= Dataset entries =
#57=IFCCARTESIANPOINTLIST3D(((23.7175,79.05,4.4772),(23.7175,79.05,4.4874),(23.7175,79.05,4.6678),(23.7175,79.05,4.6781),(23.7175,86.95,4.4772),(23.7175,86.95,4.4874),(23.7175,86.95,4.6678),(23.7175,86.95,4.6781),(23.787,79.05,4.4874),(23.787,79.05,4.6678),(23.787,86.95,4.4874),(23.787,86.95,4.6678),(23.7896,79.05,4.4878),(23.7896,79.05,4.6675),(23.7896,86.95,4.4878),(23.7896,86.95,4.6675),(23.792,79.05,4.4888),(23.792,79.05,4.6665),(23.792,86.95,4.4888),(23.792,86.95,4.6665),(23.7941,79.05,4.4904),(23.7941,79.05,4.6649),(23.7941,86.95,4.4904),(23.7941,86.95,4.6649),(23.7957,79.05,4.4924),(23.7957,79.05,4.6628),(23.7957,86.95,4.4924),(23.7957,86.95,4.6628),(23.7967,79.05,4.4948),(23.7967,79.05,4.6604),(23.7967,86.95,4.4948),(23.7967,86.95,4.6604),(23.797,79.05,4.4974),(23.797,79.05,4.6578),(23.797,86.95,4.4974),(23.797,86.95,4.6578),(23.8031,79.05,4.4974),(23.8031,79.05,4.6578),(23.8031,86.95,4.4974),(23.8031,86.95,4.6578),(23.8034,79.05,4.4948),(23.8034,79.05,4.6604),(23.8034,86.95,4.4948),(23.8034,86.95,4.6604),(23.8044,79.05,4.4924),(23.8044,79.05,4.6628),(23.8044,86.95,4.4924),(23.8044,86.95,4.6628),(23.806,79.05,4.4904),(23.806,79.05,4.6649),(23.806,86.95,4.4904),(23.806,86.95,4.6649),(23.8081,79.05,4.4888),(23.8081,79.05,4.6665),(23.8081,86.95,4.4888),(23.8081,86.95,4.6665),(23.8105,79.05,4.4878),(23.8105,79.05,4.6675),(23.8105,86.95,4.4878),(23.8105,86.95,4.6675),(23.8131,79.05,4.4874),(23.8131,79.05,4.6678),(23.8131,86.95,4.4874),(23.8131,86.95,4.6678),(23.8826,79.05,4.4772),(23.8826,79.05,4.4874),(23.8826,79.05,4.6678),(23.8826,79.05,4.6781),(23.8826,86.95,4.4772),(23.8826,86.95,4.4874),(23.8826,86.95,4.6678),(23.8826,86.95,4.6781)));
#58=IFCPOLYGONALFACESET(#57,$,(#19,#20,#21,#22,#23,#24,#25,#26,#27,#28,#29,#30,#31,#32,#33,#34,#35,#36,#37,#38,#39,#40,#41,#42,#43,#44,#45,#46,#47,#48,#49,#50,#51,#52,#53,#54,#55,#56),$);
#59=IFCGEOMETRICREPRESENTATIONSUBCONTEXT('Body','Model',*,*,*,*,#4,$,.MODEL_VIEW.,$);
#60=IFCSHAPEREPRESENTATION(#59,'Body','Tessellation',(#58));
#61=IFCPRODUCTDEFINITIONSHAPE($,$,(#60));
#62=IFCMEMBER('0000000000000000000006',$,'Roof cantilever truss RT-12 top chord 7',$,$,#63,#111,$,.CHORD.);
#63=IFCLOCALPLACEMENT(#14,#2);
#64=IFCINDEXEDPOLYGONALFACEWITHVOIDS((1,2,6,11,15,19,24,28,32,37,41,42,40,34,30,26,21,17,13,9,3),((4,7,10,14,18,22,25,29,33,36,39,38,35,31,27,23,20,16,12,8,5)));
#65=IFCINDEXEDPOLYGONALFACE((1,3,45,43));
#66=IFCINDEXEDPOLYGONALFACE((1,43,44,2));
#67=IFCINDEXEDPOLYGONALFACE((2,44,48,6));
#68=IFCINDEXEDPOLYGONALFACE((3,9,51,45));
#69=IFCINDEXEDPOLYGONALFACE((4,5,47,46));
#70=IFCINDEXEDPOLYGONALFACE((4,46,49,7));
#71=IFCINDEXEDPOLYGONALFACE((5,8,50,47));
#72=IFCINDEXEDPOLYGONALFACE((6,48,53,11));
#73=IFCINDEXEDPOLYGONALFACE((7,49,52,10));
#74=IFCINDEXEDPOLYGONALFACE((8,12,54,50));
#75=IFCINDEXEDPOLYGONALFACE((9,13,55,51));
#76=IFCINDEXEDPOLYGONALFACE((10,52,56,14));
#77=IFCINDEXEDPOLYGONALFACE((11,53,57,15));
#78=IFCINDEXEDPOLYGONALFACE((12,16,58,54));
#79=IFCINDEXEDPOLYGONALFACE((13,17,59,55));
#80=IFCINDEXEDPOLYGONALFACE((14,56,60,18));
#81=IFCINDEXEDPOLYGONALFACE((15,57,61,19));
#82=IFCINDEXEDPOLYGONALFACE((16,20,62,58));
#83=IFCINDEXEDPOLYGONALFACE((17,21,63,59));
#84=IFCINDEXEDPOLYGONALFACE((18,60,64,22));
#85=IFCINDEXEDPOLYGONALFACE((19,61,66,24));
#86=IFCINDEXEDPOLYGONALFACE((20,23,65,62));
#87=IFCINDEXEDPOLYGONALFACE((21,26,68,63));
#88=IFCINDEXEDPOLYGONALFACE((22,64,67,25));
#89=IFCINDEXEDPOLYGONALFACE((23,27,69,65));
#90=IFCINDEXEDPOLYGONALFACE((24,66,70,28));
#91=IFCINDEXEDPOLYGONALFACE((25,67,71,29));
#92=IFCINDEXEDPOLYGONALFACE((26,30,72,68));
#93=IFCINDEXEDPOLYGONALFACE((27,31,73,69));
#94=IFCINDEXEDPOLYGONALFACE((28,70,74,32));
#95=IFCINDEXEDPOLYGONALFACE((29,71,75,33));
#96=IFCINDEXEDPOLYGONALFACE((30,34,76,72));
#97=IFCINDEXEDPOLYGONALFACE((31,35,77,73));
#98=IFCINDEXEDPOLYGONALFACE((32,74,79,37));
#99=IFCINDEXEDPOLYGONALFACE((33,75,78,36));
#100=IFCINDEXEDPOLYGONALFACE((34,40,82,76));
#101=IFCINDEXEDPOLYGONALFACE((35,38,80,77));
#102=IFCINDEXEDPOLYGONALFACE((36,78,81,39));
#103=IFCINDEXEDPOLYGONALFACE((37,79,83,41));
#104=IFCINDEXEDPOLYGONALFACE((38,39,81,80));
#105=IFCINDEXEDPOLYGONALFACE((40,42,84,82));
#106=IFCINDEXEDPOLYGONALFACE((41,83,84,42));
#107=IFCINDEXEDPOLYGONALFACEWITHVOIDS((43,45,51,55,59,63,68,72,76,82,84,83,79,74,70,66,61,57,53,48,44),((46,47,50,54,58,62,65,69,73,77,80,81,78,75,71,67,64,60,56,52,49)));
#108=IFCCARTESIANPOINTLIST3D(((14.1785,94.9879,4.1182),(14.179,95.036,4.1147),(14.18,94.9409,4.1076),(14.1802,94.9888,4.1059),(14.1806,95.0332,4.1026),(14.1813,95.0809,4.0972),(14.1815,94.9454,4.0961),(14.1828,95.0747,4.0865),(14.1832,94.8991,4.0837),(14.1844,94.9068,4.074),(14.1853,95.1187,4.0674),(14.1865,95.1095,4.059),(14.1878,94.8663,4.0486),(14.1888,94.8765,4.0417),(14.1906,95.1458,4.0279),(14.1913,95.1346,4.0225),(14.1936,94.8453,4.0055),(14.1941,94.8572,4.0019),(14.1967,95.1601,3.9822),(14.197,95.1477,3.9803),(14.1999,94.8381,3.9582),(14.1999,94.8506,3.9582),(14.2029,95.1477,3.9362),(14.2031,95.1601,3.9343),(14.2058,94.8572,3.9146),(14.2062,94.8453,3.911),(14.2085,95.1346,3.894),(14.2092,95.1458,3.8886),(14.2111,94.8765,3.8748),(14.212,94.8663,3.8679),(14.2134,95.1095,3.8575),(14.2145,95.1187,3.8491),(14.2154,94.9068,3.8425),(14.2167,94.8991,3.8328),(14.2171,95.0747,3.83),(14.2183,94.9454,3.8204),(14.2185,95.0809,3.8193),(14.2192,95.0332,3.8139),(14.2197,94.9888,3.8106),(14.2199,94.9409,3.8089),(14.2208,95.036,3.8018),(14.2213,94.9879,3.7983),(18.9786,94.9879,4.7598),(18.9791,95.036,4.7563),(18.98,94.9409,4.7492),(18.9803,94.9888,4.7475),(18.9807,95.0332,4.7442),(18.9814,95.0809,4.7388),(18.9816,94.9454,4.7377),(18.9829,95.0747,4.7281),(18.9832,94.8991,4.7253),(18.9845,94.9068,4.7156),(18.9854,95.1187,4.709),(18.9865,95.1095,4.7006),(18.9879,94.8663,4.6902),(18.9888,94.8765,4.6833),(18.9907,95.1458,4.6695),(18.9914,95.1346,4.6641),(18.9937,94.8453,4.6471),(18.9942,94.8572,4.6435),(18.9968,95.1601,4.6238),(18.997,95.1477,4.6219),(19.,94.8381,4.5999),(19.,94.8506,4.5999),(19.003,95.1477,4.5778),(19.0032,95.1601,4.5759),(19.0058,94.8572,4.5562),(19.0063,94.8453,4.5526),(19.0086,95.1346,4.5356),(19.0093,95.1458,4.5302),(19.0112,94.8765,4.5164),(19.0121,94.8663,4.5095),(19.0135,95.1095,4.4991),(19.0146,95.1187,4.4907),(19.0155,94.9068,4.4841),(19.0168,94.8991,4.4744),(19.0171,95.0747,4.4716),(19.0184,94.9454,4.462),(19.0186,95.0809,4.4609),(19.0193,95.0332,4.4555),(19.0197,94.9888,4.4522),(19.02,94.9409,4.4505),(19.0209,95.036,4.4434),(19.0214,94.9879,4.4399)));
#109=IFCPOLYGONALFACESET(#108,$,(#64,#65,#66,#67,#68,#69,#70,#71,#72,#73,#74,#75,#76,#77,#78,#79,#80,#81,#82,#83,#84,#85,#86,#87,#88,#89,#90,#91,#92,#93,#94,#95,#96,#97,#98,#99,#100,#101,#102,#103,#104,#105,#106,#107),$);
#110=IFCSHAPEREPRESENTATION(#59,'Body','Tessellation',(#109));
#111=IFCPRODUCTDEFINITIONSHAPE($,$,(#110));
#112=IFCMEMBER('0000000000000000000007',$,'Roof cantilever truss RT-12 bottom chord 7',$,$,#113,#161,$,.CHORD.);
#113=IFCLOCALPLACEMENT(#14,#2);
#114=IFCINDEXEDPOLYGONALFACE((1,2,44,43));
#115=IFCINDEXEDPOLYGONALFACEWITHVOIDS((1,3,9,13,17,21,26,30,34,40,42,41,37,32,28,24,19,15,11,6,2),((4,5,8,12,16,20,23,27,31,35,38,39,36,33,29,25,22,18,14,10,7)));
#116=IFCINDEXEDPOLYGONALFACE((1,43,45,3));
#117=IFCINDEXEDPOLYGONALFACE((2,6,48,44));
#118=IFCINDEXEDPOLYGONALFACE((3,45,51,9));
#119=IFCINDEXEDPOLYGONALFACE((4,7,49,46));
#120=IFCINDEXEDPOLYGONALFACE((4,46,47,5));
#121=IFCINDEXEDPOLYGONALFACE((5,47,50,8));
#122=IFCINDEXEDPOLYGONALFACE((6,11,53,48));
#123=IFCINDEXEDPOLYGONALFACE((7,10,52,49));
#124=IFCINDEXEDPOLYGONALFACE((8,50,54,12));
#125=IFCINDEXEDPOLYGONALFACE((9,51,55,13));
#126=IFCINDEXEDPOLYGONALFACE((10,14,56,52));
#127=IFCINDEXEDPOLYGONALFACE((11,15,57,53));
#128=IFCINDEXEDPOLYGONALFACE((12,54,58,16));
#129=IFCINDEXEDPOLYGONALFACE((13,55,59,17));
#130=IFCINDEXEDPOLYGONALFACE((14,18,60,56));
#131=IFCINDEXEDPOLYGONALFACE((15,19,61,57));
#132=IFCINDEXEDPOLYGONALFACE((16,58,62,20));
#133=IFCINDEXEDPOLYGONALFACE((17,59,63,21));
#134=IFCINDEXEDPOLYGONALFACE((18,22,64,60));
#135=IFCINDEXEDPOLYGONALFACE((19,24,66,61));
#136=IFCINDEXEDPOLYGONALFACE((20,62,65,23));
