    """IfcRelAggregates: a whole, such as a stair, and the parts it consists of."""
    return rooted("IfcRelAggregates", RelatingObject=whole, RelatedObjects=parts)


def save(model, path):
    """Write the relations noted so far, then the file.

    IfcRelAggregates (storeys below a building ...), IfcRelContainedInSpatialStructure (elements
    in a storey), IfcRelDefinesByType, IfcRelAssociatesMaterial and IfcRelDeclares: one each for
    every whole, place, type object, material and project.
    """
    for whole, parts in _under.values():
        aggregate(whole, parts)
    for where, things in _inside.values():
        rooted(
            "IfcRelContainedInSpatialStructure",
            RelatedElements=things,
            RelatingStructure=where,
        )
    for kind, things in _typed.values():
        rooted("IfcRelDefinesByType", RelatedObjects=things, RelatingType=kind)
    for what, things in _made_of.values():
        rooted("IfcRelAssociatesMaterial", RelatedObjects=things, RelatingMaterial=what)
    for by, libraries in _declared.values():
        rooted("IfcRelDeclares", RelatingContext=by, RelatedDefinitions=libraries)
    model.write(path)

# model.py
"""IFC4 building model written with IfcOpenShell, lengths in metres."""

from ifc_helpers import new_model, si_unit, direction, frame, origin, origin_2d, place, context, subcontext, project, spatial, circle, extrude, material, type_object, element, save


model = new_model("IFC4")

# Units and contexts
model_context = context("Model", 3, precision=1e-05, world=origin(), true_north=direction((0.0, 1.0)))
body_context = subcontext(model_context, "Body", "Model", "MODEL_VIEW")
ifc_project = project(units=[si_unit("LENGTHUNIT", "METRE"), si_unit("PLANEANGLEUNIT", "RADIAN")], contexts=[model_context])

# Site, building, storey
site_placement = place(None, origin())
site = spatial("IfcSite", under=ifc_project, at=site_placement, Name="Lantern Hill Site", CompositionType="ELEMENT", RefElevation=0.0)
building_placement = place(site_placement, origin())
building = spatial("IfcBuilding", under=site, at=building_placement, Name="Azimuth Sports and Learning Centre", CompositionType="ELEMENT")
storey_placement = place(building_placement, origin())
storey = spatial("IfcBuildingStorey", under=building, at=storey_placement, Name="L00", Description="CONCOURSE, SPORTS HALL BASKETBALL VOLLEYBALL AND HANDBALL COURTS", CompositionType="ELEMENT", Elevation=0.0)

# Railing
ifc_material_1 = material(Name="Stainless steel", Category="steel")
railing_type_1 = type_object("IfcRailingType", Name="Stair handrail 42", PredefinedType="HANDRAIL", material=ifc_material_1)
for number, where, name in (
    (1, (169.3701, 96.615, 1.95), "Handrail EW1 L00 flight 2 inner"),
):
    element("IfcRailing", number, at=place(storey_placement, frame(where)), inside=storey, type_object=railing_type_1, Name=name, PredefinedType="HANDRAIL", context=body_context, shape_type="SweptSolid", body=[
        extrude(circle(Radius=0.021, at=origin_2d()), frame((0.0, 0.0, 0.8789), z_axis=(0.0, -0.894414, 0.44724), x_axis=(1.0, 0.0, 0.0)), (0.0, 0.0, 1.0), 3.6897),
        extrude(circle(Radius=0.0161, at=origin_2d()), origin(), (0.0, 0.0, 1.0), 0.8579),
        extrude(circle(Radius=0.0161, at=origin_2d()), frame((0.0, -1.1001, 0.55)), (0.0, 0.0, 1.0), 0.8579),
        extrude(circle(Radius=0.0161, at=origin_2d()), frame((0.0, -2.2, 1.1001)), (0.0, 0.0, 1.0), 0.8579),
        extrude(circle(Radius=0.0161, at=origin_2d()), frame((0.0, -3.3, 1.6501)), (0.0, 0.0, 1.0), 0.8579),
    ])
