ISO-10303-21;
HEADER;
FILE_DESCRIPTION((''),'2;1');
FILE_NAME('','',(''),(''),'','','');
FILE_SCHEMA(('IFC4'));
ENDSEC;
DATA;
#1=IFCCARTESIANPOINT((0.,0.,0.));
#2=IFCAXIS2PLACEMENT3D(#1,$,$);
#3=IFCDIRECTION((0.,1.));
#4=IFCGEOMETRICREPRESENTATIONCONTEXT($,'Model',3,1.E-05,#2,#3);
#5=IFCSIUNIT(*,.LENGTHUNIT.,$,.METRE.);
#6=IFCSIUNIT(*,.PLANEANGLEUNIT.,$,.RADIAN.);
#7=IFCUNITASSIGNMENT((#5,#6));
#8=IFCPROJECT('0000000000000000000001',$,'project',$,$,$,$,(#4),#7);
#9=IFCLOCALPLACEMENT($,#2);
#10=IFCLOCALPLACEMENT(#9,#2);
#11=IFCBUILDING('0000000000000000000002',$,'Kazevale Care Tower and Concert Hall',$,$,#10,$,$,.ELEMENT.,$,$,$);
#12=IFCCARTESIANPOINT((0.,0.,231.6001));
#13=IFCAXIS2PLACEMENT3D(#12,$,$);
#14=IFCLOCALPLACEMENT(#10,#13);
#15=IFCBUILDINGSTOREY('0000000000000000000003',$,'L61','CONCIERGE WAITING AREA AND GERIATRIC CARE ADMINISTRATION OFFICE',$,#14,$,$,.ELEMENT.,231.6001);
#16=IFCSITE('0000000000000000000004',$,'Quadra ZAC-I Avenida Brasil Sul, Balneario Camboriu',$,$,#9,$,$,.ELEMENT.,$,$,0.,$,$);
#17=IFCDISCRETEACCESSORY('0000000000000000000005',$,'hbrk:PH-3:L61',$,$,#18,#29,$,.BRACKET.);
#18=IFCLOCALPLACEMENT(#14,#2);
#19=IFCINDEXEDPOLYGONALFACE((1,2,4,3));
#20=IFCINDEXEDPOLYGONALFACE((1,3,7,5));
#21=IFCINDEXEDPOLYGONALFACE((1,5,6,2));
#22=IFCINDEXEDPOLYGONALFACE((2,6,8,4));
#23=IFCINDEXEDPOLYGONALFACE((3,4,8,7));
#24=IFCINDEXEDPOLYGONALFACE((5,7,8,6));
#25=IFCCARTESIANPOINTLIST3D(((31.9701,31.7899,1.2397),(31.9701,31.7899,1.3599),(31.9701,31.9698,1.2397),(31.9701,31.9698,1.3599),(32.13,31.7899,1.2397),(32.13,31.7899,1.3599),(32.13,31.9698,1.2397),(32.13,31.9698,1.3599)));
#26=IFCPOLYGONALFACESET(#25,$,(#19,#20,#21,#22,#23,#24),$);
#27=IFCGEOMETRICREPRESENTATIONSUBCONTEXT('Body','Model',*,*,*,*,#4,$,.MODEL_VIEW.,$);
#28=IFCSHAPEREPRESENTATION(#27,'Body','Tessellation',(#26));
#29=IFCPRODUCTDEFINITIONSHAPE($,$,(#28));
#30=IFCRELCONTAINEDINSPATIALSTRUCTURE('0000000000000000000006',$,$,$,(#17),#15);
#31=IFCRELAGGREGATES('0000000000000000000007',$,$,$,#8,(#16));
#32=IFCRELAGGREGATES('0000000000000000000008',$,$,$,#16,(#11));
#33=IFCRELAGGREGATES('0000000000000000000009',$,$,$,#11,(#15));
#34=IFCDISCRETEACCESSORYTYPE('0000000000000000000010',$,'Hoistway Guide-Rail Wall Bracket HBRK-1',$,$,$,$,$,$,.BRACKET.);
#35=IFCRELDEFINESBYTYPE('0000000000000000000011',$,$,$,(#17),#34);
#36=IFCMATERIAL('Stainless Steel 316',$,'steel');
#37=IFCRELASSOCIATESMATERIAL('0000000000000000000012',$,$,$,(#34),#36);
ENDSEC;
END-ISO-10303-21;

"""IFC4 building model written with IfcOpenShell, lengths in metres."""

from ifc_helpers import new_model, si_unit, direction, frame, origin, origin_2d, place, context, subcontext, project, spatial, rectangle, extrude, material, type_object, element, save


model = new_model("IFC4")

# Units and contexts
model_context = context("Model", 3, precision=1e-05, world=origin(), true_north=direction((0.0, 1.0)))
body_context = subcontext(model_context, "Body", "Model", "MODEL_VIEW")
ifc_project = project(units=[si_unit("LENGTHUNIT", "METRE"), si_unit("PLANEANGLEUNIT", "RADIAN")], contexts=[model_context])

# Site, building, storey
site_placement = place(None, origin())
site = spatial("IfcSite", under=ifc_project, at=site_placement, Name="Quadra ZAC-I Avenida Brasil Sul, Balneario Camboriu", CompositionType="ELEMENT", RefElevation=0.0)
building_placement = place(site_placement, origin())
building = spatial("IfcBuilding", under=site, at=building_placement, Name="Kazevale Care Tower and Concert Hall", CompositionType="ELEMENT")
storey_placement = place(building_placement, frame((0.0, 0.0, 231.6001)))
storey = spatial("IfcBuildingStorey", under=building, at=storey_placement, Name="L61", Description="CONCIERGE WAITING AREA AND GERIATRIC CARE ADMINISTRATION OFFICE", CompositionType="ELEMENT", Elevation=231.6001)

# Shared definitions
ifc_material_1 = material(Name="Stainless Steel 316", Category="steel")

# Discrete accessory
discrete_accessory_type = type_object("IfcDiscreteAccessoryType", Name="Hoistway Guide-Rail Wall Bracket HBRK-1", PredefinedType="BRACKET", material=ifc_material_1)
for number, where, z_axis, x_axis, name in (
    (1, (32.05, 31.8799, 1.2397), (0.0, 0.0, 1.0), (1.0, 0.0, 0.0), "hbrk:PH-3:L61"),
):
    element("IfcDiscreteAccessory", number, at=place(storey_placement, frame(where, z_axis=z_axis, x_axis=x_axis)), inside=storey, type_object=discrete_accessory_type, Name=name, PredefinedType="BRACKET", context=body_context, shape_type="SweptSolid", body=[
        extrude(rectangle(XDim=0.1599, YDim=0.1799, at=origin_2d()), origin(), (0.0, 0.0, 1.0), 0.1201),
    ])

save(model, "model.ifc")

= BRIEF =
For the word "path", please say how many lines in the entries hold it, with only the number as the reply.

= ANSWER TO THIS TASK =
2